# What you need to do
Go through the listing below and output exactly the line with "#173=IFCRELAGGREGATES('0000000000000000000009',$,$,$,#11,(#15));", the line with "world=origin(), true_north=direction((0.0, 1.0)))", and each line between; omit the rest.

[Start of section]

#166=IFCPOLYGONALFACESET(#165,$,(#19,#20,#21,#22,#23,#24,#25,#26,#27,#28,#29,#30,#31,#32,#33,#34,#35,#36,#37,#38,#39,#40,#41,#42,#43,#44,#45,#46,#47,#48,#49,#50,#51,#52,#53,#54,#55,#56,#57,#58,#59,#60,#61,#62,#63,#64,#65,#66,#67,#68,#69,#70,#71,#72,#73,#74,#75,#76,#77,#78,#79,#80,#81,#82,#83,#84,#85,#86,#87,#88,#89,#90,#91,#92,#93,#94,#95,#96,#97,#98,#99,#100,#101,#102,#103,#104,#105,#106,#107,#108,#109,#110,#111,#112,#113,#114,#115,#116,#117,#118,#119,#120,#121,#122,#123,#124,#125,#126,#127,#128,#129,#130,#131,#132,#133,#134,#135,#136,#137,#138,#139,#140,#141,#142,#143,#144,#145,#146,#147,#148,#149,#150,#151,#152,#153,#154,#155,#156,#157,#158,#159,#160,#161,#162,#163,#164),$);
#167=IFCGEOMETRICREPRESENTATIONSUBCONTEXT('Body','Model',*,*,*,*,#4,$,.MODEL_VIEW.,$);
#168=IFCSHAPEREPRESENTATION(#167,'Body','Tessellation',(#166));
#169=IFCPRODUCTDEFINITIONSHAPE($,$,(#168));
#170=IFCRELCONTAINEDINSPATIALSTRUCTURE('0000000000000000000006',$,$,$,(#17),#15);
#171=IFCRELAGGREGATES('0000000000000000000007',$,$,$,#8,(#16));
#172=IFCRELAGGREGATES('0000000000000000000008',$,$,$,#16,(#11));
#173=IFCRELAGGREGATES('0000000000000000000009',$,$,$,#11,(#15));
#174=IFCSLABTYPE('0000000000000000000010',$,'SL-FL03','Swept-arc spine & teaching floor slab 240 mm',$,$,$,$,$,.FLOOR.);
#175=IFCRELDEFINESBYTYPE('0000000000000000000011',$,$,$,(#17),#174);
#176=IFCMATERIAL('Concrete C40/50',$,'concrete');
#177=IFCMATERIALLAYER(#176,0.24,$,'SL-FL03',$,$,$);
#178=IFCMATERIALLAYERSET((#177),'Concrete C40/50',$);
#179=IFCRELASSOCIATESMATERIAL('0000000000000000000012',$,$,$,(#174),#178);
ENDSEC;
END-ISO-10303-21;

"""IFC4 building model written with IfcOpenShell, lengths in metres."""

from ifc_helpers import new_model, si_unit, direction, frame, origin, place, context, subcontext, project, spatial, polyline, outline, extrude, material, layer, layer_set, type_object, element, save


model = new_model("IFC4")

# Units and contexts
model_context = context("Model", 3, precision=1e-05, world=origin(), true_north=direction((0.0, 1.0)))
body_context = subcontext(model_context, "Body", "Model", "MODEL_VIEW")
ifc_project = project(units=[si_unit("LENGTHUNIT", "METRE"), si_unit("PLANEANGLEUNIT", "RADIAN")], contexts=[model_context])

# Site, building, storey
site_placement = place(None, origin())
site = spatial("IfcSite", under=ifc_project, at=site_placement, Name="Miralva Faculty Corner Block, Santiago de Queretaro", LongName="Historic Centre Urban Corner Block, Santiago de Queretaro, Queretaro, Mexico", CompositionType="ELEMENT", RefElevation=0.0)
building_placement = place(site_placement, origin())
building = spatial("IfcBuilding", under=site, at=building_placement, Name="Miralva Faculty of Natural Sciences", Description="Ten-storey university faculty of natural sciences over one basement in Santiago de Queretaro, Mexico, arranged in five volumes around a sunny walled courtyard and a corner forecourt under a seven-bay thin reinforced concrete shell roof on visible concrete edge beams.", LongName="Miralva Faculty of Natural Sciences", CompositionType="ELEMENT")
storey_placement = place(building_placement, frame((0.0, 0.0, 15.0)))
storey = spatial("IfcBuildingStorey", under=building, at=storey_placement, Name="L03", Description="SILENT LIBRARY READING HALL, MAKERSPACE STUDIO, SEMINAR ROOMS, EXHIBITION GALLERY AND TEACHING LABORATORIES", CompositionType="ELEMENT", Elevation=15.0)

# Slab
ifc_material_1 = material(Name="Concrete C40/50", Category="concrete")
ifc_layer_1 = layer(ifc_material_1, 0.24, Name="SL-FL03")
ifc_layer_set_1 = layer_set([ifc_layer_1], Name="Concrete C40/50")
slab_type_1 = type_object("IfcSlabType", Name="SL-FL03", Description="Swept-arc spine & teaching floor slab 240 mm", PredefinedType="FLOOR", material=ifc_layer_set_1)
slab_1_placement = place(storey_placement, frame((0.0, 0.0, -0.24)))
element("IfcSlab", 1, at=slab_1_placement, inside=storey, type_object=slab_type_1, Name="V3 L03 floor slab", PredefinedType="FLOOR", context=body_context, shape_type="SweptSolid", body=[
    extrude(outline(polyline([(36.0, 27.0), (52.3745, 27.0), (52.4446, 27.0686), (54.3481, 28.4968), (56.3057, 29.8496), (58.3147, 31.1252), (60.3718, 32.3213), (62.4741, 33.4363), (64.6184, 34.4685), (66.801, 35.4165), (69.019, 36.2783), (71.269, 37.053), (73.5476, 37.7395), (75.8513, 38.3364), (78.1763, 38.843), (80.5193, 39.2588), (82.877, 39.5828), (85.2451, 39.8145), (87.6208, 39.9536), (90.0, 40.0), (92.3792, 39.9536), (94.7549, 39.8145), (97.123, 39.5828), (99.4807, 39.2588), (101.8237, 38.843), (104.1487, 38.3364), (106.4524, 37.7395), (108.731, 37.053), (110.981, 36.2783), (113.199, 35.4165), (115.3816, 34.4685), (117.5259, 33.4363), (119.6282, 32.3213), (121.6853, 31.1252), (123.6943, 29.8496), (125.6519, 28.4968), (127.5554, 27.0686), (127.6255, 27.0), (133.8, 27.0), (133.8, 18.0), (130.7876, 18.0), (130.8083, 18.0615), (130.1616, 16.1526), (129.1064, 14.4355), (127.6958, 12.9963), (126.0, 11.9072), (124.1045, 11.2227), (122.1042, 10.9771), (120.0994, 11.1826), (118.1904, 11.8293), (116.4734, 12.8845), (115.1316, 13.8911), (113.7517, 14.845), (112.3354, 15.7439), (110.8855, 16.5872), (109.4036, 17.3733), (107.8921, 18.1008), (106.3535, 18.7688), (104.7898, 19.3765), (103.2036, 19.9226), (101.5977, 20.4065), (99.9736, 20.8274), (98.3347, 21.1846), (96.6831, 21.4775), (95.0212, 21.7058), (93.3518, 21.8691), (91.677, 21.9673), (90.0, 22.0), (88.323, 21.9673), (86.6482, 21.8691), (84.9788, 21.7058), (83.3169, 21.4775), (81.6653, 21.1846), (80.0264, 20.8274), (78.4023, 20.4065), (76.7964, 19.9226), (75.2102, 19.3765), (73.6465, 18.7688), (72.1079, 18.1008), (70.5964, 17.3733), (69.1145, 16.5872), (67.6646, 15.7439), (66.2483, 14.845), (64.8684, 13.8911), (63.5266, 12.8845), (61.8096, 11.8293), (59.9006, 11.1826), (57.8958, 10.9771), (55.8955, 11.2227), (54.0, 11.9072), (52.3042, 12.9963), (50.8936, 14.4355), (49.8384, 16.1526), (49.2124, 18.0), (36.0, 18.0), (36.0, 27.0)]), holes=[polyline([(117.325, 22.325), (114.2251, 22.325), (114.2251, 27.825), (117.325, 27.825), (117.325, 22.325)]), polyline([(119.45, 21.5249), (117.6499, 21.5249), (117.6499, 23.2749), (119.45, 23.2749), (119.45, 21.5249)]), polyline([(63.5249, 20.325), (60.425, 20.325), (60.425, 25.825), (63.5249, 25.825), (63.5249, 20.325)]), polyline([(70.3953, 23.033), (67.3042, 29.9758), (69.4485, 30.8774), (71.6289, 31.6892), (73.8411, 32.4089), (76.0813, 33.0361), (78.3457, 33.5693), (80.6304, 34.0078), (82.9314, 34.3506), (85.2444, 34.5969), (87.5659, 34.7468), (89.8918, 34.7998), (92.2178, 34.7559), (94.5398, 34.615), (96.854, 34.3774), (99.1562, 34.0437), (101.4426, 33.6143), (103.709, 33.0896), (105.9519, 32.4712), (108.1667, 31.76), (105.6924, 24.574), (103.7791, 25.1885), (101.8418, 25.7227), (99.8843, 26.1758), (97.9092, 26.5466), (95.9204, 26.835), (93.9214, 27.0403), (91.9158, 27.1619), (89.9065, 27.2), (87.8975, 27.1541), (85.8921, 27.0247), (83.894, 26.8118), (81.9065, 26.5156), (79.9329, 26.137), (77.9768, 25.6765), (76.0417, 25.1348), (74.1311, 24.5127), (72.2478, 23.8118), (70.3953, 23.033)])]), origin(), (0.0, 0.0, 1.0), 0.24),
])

[End of section]

# Answer to this exercise
#173=IFCRELAGGREGATES('0000000000000000000009',$,$,$,#11,(#15));
#174=IFCSLABTYPE('0000000000000000000010',$,'SL-FL03','Swept-arc spine & teaching floor slab 240 mm',$,$,$,$,$,.FLOOR.);
#175=IFCRELDEFINESBYTYPE('0000000000000000000011',$,$,$,(#17),#174);
#176=IFCMATERIAL('Concrete C40/50',$,'concrete');
#177=IFCMATERIALLAYER(#176,0.24,$,'SL-FL03',$,$,$);
#178=IFCMATERIALLAYERSET((#177),'Concrete C40/50',$);
#179=IFCRELASSOCIATESMATERIAL('0000000000000000000012',$,$,$,(#174),#178);
ENDSEC;
END-ISO-10303-21;

"""IFC4 building model written with IfcOpenShell, lengths in metres."""

from ifc_helpers import new_model, si_unit, direction, frame, origin, place, context, subcontext, project, spatial, polyline, outline, extrude, material, layer, layer_set, type_object, element, save


model = new_model("IFC4")

# Units and contexts
model_context = context("Model", 3, precision=1e-05, world=origin(), true_north=direction((0.0, 1.0)))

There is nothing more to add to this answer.